Task statement. Scan the entries below for the word "IFCLOCALPLACEMENT". Copy out every line in which it occurs.

Saved entries:

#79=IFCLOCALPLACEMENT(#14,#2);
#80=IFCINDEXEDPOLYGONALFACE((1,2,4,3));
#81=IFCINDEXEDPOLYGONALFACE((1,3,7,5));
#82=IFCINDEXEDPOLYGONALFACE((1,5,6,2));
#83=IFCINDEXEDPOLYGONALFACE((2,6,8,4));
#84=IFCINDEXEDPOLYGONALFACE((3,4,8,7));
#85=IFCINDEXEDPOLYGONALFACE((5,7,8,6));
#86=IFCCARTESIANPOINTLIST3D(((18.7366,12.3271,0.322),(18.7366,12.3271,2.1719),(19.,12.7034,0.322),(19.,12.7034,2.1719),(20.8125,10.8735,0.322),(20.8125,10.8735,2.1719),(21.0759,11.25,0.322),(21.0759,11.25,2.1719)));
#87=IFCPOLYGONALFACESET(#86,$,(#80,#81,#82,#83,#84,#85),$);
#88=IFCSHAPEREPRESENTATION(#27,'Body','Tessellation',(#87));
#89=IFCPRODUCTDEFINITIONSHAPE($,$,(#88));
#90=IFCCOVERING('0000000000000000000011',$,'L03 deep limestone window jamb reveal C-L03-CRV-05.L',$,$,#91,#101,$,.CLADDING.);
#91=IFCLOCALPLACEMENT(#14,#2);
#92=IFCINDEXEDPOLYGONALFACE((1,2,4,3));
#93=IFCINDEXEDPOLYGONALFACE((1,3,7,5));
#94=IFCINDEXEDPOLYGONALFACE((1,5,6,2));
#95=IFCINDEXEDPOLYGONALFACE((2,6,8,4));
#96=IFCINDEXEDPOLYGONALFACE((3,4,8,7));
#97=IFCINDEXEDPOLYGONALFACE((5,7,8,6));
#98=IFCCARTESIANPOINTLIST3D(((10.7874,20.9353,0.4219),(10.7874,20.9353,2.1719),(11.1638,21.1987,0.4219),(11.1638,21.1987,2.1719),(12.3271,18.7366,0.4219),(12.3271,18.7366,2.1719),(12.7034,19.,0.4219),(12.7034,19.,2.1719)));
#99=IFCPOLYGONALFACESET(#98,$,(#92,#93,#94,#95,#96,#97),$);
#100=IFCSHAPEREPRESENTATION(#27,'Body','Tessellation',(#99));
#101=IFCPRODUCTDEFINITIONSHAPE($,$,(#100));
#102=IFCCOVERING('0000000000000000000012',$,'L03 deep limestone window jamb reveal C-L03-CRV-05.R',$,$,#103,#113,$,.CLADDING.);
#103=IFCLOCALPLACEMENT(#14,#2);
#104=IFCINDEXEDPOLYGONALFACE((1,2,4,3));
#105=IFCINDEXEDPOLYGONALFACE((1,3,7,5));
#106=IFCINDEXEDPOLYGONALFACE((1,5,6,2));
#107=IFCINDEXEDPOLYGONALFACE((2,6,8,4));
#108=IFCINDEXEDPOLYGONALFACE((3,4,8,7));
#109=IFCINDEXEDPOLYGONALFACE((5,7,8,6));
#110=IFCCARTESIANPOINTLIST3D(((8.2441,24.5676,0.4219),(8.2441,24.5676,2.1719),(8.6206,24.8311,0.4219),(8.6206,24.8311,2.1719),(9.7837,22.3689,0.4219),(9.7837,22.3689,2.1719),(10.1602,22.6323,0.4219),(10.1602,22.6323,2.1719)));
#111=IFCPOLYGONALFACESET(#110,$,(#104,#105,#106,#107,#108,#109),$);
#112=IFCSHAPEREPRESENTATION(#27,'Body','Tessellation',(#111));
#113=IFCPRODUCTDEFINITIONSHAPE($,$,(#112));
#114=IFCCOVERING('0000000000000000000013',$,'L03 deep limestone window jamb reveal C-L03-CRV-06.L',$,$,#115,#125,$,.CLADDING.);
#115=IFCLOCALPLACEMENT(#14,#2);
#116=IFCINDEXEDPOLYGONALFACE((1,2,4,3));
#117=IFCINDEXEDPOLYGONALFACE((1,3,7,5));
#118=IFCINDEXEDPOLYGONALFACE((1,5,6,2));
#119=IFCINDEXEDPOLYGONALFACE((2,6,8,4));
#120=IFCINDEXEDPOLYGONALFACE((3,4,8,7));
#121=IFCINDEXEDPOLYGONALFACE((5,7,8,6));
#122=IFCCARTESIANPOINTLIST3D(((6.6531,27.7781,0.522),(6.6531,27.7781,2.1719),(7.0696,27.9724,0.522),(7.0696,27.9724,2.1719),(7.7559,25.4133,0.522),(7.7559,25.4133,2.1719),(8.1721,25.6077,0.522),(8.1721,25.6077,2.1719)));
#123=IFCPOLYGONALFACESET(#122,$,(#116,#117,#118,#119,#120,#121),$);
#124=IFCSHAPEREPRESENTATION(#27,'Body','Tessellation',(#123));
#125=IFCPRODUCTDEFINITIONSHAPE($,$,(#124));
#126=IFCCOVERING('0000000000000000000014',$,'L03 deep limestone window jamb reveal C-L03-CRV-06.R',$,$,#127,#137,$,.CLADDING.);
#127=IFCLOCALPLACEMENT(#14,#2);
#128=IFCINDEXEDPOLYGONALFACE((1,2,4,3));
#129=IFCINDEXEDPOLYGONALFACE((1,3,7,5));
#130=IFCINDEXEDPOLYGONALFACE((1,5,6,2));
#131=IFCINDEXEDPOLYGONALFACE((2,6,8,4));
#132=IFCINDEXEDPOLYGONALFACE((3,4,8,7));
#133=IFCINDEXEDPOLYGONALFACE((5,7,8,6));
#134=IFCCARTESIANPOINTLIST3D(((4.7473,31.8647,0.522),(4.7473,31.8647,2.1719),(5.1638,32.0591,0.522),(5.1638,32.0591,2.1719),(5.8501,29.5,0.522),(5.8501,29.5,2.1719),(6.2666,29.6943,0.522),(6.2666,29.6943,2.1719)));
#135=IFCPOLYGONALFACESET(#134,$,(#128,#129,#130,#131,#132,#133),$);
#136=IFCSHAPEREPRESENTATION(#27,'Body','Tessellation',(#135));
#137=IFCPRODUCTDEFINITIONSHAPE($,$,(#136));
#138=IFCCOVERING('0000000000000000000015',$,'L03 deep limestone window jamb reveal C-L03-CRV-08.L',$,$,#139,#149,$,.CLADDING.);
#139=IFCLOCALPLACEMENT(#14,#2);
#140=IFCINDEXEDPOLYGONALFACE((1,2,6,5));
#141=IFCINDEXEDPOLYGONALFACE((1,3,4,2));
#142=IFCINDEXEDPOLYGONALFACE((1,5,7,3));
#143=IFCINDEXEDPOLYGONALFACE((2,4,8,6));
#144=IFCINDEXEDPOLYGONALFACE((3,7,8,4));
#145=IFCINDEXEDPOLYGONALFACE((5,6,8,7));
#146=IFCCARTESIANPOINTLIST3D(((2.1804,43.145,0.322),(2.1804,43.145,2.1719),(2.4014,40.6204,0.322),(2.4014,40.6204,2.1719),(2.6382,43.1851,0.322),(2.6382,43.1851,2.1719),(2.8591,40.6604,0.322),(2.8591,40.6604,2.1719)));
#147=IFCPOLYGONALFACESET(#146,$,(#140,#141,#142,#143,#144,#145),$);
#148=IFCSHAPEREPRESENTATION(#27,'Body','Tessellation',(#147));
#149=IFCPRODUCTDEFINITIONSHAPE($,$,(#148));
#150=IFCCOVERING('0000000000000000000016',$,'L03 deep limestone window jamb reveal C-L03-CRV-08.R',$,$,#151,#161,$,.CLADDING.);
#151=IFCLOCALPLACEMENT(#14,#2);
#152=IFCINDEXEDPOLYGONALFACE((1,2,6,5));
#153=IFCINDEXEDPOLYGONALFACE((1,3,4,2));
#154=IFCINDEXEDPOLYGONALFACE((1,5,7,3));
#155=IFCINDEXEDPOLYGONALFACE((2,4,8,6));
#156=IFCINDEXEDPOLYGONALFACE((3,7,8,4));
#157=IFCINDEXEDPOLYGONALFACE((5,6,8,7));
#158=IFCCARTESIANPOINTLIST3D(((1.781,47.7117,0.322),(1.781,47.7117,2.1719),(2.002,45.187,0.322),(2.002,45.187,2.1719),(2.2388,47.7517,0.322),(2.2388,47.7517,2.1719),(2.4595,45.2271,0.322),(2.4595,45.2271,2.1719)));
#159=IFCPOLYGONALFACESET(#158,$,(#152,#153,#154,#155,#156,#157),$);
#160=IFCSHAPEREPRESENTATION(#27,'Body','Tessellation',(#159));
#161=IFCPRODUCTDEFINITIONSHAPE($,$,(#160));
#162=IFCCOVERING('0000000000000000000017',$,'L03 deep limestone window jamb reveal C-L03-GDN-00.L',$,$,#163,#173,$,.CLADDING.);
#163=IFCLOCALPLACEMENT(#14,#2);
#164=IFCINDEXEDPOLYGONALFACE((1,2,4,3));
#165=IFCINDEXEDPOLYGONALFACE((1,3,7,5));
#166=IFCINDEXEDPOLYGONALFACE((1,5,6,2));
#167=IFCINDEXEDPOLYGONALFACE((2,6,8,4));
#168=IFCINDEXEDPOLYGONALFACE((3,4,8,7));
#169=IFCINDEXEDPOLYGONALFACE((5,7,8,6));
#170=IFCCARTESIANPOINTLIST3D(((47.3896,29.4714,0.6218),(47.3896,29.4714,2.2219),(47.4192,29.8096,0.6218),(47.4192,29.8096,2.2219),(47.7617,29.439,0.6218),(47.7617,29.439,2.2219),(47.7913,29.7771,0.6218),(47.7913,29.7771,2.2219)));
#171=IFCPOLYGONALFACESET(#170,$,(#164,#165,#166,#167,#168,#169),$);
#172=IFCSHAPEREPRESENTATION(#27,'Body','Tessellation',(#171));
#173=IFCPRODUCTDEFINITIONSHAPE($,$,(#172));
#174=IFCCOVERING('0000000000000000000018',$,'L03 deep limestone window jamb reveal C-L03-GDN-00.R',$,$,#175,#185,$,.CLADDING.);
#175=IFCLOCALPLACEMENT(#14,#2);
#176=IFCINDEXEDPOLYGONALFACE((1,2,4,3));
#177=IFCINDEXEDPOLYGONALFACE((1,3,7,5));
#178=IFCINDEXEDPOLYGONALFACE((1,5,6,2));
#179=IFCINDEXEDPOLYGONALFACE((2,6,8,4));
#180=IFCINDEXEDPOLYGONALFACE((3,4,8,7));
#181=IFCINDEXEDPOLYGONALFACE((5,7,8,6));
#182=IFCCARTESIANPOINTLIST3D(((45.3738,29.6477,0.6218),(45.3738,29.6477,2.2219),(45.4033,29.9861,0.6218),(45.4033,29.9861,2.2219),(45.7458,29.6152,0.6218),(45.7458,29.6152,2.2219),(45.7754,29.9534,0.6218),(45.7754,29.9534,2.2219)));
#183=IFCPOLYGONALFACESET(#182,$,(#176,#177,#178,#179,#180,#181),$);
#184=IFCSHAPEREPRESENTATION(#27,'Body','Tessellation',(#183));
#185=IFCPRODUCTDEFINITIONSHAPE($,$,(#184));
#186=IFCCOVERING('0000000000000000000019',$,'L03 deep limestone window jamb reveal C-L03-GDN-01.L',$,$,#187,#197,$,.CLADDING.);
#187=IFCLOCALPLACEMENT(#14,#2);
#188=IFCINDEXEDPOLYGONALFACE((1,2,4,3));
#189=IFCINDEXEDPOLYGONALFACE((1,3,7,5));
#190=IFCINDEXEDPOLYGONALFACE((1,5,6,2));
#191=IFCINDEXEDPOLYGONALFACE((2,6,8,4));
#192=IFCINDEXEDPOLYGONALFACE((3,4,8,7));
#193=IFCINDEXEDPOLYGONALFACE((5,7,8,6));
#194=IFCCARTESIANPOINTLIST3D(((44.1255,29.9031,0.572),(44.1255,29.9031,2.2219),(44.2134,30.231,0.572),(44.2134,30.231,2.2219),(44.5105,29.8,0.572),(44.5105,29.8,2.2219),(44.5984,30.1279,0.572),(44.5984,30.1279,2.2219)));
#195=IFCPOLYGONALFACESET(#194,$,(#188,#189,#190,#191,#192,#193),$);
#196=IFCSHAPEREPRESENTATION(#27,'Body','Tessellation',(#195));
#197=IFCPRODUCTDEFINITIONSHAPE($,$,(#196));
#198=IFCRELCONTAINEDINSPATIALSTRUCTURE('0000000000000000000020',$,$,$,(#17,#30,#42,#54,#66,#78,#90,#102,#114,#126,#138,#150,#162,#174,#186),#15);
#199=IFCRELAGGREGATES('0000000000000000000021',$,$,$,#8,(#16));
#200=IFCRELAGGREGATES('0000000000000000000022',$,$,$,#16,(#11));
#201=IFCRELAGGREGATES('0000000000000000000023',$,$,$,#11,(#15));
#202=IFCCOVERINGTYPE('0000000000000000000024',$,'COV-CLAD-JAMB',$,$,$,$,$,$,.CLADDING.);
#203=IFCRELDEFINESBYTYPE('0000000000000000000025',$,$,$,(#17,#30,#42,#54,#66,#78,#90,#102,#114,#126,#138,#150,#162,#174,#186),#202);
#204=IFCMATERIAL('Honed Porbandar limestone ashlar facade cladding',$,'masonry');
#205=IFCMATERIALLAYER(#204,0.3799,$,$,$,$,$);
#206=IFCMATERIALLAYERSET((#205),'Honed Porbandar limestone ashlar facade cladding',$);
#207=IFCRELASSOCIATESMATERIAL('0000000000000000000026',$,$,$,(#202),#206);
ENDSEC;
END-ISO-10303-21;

Answer to the problem.
#79=IFCLOCALPLACEMENT(#14,#2);
#91=IFCLOCALPLACEMENT(#14,#2);
#103=IFCLOCALPLACEMENT(#14,#2);
#115=IFCLOCALPLACEMENT(#14,#2);
#127=IFCLOCALPLACEMENT(#14,#2);
#139=IFCLOCALPLACEMENT(#14,#2);
#151=IFCLOCALPLACEMENT(#14,#2);
#163=IFCLOCALPLACEMENT(#14,#2);
#175=IFCLOCALPLACEMENT(#14,#2);
#187=IFCLOCALPLACEMENT(#14,#2);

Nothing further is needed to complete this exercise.